[Data entries]
--- START ---
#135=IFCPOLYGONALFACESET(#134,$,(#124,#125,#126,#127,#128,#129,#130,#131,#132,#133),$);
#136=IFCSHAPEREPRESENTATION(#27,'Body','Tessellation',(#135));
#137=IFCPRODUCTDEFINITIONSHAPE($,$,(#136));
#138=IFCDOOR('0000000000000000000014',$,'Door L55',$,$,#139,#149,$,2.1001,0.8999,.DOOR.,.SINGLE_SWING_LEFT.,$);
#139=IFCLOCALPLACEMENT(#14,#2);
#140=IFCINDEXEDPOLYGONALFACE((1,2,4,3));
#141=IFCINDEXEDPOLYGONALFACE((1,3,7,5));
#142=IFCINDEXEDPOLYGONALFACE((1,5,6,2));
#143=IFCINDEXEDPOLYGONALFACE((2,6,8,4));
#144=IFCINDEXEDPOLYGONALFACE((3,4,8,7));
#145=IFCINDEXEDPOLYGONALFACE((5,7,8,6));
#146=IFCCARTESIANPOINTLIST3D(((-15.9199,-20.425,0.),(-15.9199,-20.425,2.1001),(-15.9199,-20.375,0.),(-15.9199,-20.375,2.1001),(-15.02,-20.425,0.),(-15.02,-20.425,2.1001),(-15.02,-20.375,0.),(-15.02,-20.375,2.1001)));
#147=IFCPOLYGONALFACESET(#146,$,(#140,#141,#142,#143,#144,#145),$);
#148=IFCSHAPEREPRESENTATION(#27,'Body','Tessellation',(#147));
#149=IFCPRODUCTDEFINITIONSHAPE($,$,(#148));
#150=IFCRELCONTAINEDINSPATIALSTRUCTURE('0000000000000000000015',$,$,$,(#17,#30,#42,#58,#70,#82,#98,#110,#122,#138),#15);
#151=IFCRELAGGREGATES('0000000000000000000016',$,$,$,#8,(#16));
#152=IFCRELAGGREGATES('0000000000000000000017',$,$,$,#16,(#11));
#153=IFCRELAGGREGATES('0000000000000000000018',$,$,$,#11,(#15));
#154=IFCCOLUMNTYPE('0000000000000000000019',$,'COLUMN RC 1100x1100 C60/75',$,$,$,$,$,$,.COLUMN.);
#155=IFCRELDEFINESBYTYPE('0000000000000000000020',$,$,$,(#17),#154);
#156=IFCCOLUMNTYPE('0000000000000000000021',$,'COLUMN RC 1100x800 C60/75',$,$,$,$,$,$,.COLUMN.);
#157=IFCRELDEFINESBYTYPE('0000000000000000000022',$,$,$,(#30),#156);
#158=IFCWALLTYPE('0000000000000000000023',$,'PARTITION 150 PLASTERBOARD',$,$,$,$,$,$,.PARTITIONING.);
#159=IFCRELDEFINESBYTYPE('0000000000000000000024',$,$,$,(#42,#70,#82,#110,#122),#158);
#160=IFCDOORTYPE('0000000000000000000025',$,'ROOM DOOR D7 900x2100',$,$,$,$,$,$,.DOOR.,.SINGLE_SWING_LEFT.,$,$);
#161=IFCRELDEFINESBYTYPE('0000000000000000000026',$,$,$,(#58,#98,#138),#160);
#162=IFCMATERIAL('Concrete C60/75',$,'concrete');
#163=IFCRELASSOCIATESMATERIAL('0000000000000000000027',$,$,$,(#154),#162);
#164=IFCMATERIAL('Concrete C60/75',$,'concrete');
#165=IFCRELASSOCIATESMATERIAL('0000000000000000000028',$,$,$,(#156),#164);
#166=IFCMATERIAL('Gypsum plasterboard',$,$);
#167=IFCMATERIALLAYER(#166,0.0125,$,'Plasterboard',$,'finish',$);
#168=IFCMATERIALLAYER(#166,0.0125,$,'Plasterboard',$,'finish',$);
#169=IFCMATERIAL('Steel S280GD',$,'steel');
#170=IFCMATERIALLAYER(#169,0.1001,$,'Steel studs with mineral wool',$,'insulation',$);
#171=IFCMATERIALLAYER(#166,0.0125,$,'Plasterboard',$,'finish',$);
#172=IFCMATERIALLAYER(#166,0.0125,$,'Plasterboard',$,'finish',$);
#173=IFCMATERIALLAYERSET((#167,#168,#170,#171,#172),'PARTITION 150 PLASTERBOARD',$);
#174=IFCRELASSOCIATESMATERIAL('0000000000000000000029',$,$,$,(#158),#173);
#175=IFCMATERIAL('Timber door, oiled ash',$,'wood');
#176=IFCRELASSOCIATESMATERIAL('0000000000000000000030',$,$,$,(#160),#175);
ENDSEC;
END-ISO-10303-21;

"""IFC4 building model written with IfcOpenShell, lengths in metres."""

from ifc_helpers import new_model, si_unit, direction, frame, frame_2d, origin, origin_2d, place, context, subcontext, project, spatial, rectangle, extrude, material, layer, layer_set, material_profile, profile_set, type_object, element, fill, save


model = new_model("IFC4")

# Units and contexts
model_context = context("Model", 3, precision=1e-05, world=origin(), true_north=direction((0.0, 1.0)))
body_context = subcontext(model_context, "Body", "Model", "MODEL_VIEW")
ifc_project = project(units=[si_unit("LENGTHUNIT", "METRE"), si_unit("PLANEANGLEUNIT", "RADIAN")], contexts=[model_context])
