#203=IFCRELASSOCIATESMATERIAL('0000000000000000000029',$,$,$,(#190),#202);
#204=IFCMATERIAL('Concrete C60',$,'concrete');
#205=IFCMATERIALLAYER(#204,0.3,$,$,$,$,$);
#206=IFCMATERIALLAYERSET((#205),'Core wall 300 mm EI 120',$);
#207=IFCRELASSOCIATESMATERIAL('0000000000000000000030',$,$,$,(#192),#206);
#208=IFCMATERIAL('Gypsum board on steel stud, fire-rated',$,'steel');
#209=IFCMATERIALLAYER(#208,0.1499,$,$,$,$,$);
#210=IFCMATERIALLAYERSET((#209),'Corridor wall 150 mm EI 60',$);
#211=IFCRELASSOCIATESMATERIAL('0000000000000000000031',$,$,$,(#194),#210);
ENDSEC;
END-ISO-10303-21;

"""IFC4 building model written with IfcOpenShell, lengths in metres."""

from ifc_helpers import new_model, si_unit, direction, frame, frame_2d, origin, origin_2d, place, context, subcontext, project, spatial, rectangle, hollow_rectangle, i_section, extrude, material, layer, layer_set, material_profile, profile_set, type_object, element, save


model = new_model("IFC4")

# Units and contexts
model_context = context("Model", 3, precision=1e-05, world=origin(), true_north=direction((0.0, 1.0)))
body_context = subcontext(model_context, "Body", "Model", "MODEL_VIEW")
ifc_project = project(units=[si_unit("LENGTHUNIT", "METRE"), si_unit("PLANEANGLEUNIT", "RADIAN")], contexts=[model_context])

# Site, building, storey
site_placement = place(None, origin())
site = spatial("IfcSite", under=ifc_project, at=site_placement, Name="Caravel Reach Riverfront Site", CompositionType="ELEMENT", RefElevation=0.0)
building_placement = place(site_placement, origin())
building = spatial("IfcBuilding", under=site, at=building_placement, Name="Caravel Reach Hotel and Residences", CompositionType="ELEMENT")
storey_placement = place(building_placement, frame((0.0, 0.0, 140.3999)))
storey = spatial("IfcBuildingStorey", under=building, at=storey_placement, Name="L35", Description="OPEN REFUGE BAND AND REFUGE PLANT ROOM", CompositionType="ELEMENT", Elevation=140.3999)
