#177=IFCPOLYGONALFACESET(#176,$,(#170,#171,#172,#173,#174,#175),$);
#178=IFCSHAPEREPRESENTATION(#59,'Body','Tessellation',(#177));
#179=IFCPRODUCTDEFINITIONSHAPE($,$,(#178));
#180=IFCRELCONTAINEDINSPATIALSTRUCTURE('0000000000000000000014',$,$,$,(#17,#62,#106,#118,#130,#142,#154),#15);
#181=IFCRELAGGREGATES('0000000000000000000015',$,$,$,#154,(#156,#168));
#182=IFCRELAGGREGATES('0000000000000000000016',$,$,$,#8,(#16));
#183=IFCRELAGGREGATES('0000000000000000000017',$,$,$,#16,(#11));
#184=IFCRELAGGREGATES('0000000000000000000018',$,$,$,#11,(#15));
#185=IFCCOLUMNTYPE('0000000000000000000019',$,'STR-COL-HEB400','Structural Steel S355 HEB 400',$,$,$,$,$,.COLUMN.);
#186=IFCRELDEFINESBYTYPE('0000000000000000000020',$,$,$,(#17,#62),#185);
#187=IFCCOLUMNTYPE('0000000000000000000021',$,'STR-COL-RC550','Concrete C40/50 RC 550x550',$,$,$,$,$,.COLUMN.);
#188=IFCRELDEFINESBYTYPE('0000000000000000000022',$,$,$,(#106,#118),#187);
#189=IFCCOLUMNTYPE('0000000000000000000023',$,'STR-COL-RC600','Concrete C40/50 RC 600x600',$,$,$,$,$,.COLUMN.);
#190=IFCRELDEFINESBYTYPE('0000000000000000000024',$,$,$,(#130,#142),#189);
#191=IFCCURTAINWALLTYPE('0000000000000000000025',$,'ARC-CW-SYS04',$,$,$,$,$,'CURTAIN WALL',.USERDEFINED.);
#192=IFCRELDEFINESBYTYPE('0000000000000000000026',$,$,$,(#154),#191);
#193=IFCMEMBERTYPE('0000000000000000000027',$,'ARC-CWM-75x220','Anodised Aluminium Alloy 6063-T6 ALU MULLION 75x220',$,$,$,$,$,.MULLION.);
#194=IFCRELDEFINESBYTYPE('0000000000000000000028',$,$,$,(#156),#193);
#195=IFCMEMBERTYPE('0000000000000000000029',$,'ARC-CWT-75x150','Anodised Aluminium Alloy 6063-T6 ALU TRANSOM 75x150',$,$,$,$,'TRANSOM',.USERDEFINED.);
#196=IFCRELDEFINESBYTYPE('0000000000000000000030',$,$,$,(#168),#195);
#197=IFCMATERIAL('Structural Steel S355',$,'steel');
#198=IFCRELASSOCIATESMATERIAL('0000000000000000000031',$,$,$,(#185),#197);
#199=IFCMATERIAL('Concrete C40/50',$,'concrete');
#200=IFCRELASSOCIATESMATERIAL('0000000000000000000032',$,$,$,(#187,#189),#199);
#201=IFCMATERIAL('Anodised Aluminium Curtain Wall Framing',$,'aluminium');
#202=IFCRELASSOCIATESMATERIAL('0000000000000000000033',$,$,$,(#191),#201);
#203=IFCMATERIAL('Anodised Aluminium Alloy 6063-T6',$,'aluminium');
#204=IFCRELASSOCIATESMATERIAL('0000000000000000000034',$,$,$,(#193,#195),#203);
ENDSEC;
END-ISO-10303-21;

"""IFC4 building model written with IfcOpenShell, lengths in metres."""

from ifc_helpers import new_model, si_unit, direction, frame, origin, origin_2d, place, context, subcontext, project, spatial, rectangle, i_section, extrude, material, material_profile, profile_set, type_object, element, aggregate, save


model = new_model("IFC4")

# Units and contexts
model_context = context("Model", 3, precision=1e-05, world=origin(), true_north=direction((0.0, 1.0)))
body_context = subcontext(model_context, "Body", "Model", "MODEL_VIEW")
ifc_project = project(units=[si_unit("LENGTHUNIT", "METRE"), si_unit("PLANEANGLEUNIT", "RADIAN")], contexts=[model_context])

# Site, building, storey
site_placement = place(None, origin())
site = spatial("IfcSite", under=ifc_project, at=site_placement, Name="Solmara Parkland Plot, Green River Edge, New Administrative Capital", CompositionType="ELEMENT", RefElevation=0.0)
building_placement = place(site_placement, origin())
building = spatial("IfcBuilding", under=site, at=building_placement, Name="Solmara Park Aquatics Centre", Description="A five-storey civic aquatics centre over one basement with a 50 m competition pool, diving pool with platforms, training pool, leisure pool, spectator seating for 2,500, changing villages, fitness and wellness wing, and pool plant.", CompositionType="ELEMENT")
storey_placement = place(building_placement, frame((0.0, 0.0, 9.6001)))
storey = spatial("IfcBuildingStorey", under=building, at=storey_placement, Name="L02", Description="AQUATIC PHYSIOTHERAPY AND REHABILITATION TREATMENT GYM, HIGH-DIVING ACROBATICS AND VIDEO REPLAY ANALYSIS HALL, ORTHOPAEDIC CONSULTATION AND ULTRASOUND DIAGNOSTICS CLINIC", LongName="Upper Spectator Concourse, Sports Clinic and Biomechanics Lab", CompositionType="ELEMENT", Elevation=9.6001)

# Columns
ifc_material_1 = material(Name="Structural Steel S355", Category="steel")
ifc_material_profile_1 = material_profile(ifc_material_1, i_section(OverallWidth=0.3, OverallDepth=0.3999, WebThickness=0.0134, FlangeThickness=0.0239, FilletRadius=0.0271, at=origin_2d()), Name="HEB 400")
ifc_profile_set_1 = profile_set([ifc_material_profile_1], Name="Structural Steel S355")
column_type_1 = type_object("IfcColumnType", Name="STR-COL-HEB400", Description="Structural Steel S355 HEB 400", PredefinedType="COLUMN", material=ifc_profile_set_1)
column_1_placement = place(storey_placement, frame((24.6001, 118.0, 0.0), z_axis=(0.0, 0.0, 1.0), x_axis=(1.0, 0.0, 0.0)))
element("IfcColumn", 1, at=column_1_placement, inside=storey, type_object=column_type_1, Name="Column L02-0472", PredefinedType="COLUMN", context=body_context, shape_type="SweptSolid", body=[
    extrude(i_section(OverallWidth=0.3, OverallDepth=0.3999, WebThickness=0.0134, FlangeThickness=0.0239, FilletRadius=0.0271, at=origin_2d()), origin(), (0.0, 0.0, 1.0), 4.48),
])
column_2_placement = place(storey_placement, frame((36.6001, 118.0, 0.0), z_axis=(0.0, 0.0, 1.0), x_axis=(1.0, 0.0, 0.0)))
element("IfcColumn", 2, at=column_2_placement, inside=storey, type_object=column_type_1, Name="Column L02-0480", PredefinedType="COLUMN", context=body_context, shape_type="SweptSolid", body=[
--- END ---
What the exercise asks.
How many lines of the entries contain "inside"? Answer with a number alone.

Result of the exercise.
2